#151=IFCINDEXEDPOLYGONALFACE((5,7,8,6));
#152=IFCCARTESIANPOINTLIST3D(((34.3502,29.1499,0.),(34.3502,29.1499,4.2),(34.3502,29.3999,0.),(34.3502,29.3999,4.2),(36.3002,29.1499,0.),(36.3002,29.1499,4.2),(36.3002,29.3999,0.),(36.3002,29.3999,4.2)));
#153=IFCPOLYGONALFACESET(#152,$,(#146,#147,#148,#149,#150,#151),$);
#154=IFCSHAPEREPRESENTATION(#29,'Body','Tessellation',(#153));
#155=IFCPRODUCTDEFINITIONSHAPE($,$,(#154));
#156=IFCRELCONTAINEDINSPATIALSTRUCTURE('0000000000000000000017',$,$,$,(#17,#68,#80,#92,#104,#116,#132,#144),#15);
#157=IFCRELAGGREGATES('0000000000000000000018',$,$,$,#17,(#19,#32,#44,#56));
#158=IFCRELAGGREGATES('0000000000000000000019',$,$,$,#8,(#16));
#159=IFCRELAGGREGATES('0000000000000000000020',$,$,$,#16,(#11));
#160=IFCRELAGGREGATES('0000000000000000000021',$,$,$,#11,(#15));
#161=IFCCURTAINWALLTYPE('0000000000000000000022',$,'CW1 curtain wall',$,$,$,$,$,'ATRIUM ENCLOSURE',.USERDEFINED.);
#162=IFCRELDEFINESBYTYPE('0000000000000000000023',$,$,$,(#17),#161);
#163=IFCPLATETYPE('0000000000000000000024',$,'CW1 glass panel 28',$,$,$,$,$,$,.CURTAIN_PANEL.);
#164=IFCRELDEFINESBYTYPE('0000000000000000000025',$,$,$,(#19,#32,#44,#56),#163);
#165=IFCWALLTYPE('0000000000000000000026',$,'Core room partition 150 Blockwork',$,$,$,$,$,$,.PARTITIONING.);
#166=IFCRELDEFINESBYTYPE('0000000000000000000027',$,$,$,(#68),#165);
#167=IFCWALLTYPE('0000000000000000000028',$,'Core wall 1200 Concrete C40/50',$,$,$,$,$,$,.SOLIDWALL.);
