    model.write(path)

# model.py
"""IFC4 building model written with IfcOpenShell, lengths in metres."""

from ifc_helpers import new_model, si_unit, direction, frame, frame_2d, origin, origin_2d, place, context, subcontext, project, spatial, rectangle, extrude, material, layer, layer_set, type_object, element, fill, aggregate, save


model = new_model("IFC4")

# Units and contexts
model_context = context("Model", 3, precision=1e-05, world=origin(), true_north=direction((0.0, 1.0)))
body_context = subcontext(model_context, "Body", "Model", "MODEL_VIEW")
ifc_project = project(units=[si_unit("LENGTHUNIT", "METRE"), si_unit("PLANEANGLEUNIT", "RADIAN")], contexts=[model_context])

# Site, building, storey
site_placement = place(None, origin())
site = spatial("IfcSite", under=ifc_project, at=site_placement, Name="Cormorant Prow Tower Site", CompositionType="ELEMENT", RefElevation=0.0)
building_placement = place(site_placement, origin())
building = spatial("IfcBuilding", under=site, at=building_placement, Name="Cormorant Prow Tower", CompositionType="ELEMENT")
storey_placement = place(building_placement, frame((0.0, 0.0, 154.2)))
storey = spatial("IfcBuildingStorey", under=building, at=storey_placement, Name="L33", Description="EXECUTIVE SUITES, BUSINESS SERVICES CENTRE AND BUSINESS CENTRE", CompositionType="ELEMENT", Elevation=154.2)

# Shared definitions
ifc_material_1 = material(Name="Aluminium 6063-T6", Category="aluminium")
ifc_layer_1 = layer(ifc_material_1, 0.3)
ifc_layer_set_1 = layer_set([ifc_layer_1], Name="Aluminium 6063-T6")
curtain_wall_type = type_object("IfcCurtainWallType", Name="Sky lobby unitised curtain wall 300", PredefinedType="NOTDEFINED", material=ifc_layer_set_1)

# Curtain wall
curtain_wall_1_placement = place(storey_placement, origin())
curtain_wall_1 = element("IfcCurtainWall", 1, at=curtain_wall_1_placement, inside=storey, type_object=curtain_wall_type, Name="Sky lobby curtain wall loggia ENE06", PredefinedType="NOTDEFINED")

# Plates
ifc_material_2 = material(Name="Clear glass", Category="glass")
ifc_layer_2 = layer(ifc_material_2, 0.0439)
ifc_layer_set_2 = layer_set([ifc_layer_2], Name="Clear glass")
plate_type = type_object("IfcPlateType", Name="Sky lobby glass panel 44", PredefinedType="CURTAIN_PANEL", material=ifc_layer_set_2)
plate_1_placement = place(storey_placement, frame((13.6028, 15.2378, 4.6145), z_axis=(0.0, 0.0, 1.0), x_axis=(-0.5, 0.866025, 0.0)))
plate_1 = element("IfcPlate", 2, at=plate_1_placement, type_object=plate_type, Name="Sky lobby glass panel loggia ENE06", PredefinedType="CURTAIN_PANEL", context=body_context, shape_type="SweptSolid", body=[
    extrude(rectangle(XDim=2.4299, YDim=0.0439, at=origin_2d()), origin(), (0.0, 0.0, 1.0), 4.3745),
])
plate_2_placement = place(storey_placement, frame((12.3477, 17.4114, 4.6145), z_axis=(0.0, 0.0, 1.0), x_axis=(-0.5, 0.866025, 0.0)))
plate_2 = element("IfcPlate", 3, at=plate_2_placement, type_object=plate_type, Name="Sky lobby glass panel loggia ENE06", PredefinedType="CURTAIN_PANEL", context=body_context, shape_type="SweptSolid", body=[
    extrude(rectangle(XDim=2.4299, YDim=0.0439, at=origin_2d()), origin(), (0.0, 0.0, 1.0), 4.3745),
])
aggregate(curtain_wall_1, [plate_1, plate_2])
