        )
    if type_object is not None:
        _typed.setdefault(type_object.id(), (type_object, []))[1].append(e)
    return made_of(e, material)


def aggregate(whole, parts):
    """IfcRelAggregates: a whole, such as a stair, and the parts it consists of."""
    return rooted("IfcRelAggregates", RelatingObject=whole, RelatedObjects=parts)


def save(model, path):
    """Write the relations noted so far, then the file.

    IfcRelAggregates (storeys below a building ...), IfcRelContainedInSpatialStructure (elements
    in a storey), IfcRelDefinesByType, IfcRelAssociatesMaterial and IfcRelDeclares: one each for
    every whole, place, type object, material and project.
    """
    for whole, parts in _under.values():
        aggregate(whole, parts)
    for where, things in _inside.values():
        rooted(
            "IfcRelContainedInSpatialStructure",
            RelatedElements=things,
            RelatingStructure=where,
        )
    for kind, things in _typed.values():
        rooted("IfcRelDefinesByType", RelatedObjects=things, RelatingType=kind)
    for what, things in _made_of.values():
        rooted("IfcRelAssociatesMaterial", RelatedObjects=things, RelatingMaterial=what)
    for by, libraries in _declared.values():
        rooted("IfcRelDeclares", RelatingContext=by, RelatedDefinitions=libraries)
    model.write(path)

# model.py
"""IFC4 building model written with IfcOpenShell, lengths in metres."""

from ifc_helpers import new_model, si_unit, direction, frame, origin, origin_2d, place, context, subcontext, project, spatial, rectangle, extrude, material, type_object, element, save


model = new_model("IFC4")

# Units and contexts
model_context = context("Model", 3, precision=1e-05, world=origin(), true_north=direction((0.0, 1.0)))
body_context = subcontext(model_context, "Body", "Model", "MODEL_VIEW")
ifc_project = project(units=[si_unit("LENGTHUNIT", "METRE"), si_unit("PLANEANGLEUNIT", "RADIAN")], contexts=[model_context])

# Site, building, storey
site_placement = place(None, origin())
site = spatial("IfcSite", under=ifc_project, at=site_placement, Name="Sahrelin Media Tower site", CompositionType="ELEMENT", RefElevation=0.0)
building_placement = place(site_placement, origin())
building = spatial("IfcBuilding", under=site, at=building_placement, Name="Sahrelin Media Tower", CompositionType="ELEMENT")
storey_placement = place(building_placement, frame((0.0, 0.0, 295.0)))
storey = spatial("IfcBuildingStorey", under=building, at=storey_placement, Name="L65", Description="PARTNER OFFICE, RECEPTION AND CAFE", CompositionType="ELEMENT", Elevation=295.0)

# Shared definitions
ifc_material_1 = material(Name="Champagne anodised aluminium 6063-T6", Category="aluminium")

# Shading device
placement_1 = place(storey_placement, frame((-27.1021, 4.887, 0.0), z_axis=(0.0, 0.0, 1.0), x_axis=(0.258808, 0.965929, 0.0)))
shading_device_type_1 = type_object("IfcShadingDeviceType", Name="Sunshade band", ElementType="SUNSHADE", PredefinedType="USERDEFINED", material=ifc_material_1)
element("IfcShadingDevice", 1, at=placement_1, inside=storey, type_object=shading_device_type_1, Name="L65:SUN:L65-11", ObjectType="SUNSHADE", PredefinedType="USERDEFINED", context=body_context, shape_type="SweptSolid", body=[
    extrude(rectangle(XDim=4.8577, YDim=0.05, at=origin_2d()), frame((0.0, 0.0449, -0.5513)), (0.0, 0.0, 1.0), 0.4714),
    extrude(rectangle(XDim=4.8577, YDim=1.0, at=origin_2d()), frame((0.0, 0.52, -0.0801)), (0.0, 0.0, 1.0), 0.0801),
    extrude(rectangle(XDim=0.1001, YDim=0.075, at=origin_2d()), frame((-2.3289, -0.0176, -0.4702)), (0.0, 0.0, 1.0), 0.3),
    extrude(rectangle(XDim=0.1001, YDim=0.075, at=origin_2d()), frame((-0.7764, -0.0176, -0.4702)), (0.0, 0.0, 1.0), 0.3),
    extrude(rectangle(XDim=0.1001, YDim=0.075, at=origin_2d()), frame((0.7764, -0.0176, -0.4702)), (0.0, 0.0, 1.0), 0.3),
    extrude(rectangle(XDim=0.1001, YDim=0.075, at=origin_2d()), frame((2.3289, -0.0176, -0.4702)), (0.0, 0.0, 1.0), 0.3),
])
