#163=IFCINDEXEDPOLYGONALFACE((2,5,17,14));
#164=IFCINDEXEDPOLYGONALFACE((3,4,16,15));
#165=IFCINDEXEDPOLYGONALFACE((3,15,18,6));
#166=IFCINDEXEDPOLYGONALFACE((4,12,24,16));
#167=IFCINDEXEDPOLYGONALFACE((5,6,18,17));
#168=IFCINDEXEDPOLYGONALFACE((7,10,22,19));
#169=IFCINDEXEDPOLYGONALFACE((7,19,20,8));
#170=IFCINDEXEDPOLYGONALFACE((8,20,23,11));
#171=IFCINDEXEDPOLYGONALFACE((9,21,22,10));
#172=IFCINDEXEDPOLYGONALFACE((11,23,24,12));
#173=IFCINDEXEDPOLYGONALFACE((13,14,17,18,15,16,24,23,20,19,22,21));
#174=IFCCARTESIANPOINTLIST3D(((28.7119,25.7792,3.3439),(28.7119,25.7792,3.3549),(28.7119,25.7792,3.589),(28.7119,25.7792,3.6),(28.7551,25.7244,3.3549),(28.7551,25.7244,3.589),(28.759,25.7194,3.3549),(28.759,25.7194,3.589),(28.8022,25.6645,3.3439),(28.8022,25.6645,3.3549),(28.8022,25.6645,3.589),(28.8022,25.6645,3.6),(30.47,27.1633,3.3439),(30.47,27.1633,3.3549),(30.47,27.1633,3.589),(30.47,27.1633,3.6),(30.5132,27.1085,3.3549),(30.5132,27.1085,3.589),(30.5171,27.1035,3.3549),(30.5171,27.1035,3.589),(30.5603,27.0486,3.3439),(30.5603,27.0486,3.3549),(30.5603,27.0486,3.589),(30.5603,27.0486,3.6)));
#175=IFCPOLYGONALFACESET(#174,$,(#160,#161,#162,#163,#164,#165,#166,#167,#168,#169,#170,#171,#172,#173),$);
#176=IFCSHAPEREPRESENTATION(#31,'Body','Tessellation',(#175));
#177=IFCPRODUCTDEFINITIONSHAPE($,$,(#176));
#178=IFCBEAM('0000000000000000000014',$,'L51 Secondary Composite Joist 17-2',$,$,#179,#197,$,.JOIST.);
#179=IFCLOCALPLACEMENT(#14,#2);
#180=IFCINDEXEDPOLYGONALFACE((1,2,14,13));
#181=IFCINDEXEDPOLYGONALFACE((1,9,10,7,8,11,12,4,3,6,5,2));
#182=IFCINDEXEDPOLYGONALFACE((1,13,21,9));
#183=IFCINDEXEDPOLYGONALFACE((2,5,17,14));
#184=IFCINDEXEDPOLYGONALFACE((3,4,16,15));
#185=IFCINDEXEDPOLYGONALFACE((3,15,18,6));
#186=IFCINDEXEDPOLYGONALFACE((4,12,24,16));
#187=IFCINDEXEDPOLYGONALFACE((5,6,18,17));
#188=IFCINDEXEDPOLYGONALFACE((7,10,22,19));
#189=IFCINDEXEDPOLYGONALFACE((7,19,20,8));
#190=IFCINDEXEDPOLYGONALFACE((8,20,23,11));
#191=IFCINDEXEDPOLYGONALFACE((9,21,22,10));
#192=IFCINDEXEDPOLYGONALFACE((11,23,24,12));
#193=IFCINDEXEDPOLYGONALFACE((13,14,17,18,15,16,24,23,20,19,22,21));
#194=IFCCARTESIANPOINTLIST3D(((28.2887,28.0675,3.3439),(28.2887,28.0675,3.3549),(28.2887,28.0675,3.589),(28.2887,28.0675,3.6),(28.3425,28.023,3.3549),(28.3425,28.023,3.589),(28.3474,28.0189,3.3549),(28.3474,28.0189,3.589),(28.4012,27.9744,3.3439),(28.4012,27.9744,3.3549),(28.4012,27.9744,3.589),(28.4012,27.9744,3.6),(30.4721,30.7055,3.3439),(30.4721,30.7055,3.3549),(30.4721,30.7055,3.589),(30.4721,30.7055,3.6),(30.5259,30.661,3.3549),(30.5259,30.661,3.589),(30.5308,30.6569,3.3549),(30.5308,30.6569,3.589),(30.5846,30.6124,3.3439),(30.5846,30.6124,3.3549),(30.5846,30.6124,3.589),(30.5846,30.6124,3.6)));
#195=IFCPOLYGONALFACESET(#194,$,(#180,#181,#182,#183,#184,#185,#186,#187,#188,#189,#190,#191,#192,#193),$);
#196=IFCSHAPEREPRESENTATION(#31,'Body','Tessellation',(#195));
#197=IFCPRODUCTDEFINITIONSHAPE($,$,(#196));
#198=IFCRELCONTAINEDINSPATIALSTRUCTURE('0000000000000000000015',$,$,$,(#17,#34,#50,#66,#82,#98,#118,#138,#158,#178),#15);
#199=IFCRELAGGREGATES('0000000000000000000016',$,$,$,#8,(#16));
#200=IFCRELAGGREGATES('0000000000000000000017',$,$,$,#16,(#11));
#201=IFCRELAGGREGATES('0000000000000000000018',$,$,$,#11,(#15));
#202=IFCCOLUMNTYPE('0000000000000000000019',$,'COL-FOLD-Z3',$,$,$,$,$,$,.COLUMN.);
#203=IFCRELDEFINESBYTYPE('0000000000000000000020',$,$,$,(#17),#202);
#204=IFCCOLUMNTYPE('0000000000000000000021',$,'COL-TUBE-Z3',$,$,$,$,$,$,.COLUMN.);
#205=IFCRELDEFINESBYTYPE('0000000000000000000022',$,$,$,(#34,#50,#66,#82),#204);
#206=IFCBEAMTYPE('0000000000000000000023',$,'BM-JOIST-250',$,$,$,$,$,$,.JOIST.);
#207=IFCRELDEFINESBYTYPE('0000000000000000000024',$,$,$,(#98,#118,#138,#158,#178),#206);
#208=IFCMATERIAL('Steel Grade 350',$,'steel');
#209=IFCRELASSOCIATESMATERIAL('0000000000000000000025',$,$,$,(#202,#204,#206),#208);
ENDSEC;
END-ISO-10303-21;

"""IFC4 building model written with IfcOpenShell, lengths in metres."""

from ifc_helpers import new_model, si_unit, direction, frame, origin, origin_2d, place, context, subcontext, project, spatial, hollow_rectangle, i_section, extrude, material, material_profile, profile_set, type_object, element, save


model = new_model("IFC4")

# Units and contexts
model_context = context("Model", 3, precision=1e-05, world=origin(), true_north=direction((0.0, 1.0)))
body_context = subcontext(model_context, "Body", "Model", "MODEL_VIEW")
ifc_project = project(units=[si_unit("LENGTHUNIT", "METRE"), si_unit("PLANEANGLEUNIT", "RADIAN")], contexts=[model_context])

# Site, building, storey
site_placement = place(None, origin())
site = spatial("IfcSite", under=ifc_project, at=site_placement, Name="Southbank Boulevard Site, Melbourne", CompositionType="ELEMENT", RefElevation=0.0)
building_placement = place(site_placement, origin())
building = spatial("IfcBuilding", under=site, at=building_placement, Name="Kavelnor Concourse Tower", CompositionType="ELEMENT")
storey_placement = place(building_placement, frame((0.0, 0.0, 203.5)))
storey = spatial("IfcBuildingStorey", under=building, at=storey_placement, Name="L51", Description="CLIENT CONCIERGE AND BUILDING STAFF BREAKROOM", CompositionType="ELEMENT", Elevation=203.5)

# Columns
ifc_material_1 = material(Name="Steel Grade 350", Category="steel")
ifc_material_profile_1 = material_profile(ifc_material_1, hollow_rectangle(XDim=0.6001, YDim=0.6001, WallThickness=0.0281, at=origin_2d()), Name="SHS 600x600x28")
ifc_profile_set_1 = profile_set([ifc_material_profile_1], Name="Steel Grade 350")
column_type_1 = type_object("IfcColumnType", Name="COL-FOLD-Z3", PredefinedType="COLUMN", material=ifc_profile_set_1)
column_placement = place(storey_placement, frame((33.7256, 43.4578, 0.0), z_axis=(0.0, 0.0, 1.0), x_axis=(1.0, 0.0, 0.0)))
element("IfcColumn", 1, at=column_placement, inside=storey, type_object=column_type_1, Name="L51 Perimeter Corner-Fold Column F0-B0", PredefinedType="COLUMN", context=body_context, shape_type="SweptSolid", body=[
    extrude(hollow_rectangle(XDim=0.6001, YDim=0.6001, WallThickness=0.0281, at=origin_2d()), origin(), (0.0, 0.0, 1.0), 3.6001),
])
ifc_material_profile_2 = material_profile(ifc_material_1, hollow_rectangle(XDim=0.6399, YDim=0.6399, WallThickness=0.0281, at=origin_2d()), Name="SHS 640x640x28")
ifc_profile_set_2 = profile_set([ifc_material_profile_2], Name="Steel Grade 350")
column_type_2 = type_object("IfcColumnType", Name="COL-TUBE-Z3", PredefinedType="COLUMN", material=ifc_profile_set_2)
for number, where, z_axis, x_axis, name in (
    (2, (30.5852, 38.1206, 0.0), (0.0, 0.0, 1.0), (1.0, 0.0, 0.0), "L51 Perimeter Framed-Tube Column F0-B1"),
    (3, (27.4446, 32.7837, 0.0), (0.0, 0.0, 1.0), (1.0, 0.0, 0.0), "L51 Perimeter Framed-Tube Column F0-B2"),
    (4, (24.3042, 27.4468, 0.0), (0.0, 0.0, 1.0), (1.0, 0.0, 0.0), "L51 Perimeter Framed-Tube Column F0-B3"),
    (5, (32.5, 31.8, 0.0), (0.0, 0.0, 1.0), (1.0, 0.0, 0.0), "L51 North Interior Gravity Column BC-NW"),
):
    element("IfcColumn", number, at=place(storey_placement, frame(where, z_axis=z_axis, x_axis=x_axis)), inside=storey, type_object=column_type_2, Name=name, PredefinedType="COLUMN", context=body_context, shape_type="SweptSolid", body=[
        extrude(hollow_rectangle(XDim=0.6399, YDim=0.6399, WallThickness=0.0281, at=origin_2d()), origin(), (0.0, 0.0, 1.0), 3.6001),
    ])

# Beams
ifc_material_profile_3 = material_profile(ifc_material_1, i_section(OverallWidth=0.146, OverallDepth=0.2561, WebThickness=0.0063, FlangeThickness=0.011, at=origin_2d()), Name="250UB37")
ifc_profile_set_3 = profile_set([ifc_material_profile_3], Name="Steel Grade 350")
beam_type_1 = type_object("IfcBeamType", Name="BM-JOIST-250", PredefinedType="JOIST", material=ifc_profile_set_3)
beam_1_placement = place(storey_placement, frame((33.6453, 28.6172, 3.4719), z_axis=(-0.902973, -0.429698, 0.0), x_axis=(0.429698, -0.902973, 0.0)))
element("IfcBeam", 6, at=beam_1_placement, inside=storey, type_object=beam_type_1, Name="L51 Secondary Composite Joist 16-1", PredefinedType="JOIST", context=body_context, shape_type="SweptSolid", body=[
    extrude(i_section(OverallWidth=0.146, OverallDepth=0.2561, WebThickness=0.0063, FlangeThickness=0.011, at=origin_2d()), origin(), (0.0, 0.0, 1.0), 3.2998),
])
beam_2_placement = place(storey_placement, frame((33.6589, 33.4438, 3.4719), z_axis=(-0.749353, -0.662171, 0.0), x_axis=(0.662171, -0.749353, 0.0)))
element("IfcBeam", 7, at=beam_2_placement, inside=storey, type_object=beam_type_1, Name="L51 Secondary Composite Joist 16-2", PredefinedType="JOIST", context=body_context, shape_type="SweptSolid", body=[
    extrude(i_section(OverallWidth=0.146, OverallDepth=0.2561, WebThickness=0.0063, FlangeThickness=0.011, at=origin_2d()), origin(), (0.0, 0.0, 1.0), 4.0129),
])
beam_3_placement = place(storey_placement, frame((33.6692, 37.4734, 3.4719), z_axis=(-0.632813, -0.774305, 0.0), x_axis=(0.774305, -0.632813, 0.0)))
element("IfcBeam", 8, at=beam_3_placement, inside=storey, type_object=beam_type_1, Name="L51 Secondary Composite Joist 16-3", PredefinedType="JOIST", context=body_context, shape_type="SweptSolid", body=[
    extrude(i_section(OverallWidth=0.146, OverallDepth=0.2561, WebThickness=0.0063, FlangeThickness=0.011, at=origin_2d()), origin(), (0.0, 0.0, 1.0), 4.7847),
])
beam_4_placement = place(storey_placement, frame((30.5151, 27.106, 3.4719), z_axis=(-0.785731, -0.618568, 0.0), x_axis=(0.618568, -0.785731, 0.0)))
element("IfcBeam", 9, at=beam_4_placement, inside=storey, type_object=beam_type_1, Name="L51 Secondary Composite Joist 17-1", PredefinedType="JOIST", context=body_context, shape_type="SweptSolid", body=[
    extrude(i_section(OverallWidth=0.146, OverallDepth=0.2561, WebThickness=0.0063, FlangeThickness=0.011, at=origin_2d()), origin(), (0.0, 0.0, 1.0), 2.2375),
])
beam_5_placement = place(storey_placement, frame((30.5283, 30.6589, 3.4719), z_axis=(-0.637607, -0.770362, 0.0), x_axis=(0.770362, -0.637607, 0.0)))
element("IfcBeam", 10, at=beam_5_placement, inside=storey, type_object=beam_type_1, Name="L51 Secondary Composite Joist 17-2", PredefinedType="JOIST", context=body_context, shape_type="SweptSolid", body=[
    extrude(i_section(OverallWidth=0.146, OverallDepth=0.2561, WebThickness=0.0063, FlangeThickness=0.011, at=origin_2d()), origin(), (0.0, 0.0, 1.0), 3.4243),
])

====

Brief:
Each line in the data that holds the string "Media" must be returned.

Response:
site = spatial("IfcSite", under=ifc_project, at=site_placement, Name="Sahrelin Media Tower site", CompositionType="ELEMENT", RefElevation=0.0)
building = spatial("IfcBuilding", under=site, at=building_placement, Name="Sahrelin Media Tower", CompositionType="ELEMENT")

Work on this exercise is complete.